Directions: Copies of all lines containing the string "IFCSIUNIT" are needed from the data below.

(Dataset entries)

▬▬▬▬▬▬

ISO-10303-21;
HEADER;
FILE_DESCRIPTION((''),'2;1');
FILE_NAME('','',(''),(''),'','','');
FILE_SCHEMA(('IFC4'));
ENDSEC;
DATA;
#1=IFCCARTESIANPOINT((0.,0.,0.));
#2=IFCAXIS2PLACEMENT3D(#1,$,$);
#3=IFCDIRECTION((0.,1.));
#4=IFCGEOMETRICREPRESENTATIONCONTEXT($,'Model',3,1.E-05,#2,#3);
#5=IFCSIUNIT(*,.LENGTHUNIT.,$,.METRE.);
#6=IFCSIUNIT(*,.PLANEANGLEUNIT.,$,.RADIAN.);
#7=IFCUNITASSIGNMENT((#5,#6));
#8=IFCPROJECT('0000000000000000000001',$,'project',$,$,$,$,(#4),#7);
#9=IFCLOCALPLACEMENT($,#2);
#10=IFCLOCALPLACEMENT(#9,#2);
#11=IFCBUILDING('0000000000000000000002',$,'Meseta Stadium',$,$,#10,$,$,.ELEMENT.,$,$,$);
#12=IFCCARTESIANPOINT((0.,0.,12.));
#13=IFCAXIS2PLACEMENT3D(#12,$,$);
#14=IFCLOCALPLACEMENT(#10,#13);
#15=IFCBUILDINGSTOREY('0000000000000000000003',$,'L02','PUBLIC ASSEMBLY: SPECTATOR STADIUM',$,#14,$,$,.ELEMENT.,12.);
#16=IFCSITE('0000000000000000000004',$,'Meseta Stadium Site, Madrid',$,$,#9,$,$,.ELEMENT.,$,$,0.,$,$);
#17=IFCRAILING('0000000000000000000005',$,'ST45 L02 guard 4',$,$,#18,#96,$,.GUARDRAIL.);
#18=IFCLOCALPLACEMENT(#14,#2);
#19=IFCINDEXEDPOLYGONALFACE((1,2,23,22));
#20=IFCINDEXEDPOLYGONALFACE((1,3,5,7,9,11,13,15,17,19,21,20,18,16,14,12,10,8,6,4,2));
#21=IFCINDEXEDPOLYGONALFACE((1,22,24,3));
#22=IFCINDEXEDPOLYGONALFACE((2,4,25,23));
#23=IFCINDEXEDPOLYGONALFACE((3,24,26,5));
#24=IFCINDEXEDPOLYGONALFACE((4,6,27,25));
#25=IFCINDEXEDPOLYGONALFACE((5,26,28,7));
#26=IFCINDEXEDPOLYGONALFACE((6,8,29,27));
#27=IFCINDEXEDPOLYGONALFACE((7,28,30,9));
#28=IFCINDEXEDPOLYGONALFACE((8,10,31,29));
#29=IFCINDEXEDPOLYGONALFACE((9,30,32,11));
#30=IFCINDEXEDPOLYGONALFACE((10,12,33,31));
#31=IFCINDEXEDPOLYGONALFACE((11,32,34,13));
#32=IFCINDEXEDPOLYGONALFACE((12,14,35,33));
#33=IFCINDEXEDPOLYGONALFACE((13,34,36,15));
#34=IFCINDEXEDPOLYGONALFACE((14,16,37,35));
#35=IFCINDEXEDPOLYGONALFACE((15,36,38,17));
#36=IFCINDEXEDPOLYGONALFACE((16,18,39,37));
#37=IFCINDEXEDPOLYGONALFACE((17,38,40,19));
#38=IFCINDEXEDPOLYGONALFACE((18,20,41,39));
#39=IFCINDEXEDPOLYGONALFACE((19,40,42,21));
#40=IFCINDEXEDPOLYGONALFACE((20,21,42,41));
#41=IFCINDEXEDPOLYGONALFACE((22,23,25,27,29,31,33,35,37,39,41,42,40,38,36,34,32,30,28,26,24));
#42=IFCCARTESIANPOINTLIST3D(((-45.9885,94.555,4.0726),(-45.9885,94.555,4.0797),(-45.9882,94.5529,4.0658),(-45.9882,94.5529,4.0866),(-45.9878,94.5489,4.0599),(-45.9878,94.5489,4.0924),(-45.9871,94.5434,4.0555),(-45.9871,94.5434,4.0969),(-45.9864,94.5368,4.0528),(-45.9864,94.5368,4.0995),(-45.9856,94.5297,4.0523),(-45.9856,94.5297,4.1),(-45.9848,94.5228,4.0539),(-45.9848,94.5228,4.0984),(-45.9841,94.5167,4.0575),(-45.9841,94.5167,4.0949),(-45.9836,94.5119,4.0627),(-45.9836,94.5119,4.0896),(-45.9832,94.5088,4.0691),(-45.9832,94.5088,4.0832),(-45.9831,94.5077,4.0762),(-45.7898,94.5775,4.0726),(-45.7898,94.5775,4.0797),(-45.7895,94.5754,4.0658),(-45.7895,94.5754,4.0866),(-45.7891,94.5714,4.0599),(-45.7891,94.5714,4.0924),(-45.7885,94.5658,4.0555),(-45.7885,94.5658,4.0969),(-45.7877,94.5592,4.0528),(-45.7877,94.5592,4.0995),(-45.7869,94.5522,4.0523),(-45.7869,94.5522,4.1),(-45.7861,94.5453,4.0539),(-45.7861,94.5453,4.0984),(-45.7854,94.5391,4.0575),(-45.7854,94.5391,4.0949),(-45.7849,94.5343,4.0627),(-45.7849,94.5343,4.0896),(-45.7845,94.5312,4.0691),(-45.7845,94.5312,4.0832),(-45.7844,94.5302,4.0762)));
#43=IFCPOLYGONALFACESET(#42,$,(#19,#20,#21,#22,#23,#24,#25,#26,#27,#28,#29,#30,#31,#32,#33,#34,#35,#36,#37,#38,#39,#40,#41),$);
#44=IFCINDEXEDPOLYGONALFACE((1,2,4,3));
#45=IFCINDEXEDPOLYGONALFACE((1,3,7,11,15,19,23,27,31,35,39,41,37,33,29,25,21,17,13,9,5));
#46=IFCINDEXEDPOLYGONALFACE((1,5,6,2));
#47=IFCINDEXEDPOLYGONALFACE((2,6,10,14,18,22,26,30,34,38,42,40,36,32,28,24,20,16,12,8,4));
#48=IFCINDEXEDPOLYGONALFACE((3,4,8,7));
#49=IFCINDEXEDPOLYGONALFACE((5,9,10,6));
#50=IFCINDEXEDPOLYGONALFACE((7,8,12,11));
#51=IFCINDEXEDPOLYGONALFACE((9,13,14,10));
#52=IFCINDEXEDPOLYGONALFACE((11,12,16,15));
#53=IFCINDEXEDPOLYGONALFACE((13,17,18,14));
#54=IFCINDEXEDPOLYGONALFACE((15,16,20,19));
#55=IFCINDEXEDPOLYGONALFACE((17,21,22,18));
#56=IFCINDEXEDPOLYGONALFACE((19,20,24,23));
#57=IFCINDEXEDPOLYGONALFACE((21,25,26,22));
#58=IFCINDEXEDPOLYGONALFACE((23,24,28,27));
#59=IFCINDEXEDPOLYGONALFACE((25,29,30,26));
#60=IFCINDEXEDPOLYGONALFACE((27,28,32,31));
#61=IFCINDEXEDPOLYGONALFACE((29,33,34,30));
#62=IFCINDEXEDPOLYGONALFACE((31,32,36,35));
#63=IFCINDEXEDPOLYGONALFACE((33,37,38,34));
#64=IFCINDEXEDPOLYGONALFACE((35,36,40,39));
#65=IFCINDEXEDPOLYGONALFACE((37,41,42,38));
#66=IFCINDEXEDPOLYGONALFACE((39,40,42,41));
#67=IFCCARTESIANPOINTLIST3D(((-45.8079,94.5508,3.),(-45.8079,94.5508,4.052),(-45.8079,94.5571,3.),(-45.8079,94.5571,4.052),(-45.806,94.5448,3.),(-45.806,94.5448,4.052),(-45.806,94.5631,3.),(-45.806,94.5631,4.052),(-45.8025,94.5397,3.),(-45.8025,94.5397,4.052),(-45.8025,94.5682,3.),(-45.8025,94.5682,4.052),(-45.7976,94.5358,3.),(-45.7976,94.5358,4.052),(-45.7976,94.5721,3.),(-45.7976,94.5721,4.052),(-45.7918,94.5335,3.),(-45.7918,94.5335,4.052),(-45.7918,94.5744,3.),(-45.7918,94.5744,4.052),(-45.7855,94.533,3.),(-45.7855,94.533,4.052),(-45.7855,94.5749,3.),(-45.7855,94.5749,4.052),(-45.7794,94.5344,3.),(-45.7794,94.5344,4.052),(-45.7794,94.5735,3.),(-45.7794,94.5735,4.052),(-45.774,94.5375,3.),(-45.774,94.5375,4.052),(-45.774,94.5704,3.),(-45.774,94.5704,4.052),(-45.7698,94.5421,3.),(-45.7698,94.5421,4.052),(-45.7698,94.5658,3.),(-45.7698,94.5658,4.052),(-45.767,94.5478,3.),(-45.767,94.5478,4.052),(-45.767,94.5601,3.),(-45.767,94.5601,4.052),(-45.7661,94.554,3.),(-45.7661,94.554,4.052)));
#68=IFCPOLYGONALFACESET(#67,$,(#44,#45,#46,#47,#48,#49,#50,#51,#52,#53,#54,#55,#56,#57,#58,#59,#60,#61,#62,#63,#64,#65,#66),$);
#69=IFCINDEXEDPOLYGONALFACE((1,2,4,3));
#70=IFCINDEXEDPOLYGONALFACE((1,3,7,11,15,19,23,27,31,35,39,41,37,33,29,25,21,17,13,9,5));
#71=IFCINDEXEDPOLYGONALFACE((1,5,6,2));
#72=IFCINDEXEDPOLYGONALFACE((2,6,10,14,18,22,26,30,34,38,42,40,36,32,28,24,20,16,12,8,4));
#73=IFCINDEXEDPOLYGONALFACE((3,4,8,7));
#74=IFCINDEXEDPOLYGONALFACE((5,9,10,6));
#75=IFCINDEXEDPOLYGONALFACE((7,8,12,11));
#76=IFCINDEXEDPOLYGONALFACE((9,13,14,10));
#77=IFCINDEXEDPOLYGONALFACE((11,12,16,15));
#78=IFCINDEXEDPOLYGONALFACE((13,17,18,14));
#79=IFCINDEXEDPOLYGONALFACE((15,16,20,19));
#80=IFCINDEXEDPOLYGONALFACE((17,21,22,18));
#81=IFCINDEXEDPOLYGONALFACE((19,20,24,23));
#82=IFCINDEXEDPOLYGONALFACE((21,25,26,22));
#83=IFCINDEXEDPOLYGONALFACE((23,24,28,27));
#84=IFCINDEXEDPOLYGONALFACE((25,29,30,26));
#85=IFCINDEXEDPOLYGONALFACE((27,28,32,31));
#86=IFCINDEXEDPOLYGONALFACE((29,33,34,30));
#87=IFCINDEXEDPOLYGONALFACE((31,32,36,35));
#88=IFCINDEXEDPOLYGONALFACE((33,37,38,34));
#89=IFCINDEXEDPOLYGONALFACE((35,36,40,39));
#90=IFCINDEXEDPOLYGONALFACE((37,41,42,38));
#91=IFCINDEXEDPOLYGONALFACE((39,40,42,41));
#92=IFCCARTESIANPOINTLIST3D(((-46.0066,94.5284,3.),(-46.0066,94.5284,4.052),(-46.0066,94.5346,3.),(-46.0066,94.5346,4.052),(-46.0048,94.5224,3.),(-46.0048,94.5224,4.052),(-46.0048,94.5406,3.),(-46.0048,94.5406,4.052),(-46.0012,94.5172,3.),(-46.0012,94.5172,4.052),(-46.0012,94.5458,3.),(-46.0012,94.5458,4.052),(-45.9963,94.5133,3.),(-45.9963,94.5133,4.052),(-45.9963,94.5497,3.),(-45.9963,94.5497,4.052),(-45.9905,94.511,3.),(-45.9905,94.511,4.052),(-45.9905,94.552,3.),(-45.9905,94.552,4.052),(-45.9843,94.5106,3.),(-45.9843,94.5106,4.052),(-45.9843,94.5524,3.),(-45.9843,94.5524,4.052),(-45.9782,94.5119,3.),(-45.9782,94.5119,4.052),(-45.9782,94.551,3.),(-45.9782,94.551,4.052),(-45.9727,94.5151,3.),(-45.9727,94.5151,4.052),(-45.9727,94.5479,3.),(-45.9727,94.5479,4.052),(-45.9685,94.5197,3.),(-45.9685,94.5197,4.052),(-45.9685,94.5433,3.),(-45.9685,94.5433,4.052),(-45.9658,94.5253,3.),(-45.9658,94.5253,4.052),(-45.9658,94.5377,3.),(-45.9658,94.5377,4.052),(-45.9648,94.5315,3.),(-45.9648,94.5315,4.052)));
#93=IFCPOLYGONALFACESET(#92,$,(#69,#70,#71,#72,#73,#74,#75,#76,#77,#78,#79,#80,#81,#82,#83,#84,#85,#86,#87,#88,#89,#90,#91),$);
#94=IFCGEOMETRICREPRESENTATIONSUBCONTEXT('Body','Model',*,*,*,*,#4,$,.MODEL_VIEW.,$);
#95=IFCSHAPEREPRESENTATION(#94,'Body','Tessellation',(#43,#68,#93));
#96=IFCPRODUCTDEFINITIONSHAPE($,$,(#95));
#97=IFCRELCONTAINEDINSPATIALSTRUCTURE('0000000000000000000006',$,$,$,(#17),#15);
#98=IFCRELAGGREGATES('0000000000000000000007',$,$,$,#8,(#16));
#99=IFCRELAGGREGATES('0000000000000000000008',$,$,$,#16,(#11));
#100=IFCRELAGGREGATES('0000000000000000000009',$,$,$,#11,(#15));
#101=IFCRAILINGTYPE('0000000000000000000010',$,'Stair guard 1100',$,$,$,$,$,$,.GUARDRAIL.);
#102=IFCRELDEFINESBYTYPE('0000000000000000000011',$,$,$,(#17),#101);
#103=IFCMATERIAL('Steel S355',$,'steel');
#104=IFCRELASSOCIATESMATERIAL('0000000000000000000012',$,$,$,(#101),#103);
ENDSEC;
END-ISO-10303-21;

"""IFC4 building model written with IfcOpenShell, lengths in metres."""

from ifc_helpers import new_model, si_unit, direction, frame, origin, origin_2d, place, context, subcontext, project, spatial, circle, extrude, material, type_object, element, save


model = new_model("IFC4")

# Units and contexts
model_context = context("Model", 3, precision=1e-05, world=origin(), true_north=direction((0.0, 1.0)))
body_context = subcontext(model_context, "Body", "Model", "MODEL_VIEW")
ifc_project = project(units=[si_unit("LENGTHUNIT", "METRE"), si_unit("PLANEANGLEUNIT", "RADIAN")], contexts=[model_context])

# Site, building, storey
site_placement = place(None, origin())
site = spatial("IfcSite", under=ifc_project, at=site_placement, Name="Meseta Stadium Site, Madrid", CompositionType="ELEMENT", RefElevation=0.0)
building_placement = place(site_placement, origin())
building = spatial("IfcBuilding", under=site, at=building_placement, Name="Meseta Stadium", CompositionType="ELEMENT")
storey_placement = place(building_placement, frame((0.0, 0.0, 12.0)))
storey = spatial("IfcBuildingStorey", under=building, at=storey_placement, Name="L02", Description="PUBLIC ASSEMBLY: SPECTATOR STADIUM", CompositionType="ELEMENT", Elevation=12.0)

# Railing
ifc_material_1 = material(Name="Steel S355", Category="steel")
railing_type_1 = type_object("IfcRailingType", Name="Stair guard 1100", PredefinedType="GUARDRAIL", material=ifc_material_1)
railing_1_placement = place(storey_placement, frame((-45.7871, 94.554, 3.0)))
element("IfcRailing", 1, at=railing_1_placement, inside=storey, type_object=railing_type_1, Name="ST45 L02 guard 4", PredefinedType="GUARDRAIL", context=body_context, shape_type="SweptSolid", body=[
    extrude(circle(Radius=0.0239, at=origin_2d()), frame((0.0, 0.0, 1.0762), z_axis=(-0.993674, -0.112307, 0.0), x_axis=(0.112307, -0.993674, 0.0)), (0.0, 0.0, 1.0), 0.2),
    extrude(circle(Radius=0.021, at=origin_2d()), origin(), (0.0, 0.0, 1.0), 1.052),
    extrude(circle(Radius=0.021, at=origin_2d()), frame((-0.1987, -0.0225, 0.0)), (0.0, 0.0, 1.0), 1.052),
])

save(model, "model.ifc")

▬▬▬▬▬▬

Answer to this task:
#5=IFCSIUNIT(*,.LENGTHUNIT.,$,.METRE.);
#6=IFCSIUNIT(*,.PLANEANGLEUNIT.,$,.RADIAN.);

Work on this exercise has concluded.